EXERCISE AIM: Beneath this task are records; print exactly the stretch of them from the line with "#197=IFCMATERIALLAYER(#196,0.1499,$,$,$,$,$);" through the line with "from ifc_helpers import", both ends included.

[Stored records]
<<<<

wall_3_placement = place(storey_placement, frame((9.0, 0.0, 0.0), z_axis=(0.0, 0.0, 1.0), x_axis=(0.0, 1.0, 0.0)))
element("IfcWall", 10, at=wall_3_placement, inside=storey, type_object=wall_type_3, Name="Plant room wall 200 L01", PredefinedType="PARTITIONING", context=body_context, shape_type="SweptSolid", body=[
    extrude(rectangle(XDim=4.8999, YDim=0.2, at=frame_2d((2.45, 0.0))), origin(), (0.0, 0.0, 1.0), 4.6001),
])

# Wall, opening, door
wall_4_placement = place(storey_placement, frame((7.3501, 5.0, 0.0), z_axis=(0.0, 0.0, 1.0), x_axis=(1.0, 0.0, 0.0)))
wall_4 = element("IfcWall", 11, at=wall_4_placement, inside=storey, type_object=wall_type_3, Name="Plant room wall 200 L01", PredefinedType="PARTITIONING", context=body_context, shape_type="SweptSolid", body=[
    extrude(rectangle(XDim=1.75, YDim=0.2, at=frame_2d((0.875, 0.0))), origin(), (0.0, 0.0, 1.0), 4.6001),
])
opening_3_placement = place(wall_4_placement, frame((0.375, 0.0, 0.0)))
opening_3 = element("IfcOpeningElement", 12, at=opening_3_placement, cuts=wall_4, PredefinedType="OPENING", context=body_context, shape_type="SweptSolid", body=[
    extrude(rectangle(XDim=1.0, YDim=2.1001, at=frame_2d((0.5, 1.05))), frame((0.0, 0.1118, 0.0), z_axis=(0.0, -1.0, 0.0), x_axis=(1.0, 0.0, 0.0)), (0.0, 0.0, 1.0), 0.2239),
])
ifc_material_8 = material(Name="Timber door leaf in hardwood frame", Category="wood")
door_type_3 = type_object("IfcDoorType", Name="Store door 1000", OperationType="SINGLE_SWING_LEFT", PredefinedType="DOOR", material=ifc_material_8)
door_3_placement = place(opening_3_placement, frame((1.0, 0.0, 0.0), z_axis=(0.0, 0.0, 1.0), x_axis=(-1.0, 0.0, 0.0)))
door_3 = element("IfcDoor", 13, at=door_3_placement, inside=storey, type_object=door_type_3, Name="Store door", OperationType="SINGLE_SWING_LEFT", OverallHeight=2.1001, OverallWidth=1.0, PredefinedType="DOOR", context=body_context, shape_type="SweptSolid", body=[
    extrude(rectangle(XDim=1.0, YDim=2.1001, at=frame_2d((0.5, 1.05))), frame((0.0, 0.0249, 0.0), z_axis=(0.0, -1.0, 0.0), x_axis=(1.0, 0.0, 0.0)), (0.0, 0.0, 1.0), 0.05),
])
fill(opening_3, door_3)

>>>>
<<<<

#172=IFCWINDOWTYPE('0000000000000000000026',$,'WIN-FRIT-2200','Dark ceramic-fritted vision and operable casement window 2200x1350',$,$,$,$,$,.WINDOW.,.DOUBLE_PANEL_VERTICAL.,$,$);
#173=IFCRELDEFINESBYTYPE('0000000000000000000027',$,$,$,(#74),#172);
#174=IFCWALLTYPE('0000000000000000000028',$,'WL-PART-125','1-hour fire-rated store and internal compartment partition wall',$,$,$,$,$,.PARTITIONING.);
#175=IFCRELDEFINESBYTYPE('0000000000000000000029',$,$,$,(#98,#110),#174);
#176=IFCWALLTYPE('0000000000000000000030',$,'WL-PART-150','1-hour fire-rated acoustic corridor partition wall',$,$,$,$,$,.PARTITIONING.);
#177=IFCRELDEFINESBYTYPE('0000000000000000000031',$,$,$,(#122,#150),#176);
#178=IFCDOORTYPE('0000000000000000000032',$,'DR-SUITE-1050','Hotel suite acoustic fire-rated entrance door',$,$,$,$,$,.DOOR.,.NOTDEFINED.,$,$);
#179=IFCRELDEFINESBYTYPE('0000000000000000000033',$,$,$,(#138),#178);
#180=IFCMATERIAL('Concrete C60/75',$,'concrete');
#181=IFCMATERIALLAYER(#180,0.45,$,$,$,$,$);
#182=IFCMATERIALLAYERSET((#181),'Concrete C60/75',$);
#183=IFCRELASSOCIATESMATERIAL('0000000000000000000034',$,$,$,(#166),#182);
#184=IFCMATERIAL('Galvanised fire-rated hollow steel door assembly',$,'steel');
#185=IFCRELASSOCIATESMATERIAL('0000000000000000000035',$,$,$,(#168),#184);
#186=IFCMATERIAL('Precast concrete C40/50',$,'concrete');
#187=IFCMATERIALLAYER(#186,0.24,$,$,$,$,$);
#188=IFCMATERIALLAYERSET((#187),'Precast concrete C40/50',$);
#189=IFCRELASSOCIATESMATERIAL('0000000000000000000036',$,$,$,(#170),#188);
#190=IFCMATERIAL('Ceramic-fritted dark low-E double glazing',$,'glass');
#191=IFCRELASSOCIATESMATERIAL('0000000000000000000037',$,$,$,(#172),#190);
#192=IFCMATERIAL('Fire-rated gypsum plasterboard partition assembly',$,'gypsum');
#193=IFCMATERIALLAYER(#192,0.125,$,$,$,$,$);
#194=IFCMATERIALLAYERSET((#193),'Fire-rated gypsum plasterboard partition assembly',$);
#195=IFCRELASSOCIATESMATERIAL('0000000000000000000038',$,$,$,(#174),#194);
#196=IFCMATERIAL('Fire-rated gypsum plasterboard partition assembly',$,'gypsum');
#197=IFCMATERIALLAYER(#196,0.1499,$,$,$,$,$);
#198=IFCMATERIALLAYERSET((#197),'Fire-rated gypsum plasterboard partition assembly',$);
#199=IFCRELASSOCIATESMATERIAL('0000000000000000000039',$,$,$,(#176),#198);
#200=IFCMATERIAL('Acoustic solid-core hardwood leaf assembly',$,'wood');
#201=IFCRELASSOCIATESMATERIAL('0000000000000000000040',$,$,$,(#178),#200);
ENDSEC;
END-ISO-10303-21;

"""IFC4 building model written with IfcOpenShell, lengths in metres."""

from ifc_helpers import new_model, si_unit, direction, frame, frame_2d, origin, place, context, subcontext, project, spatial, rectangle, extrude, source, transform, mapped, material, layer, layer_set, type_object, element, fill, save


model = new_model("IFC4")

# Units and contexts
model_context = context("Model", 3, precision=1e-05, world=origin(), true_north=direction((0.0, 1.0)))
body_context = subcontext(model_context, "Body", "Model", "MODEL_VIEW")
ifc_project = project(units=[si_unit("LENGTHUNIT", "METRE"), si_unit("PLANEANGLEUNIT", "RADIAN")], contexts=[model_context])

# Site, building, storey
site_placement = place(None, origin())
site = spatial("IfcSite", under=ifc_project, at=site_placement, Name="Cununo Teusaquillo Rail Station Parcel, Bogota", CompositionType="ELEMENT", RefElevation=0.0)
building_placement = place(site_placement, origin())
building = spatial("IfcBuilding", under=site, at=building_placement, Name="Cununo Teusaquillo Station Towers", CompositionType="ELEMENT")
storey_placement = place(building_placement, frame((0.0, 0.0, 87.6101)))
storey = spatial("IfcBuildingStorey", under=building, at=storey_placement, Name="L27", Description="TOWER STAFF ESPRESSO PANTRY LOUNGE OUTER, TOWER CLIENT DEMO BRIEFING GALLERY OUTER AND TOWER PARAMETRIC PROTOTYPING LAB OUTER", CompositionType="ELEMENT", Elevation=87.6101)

>>>>

EXERCISE RESULT:
#197=IFCMATERIALLAYER(#196,0.1499,$,$,$,$,$);
#198=IFCMATERIALLAYERSET((#197),'Fire-rated gypsum plasterboard partition assembly',$);
#199=IFCRELASSOCIATESMATERIAL('0000000000000000000039',$,$,$,(#176),#198);
#200=IFCMATERIAL('Acoustic solid-core hardwood leaf assembly',$,'wood');
#201=IFCRELASSOCIATESMATERIAL('0000000000000000000040',$,$,$,(#178),#200);
ENDSEC;
END-ISO-10303-21;

"""IFC4 building model written with IfcOpenShell, lengths in metres."""

from ifc_helpers import new_model, si_unit, direction, frame, frame_2d, origin, place, context, subcontext, project, spatial, rectangle, extrude, source, transform, mapped, material, layer, layer_set, type_object, element, fill, save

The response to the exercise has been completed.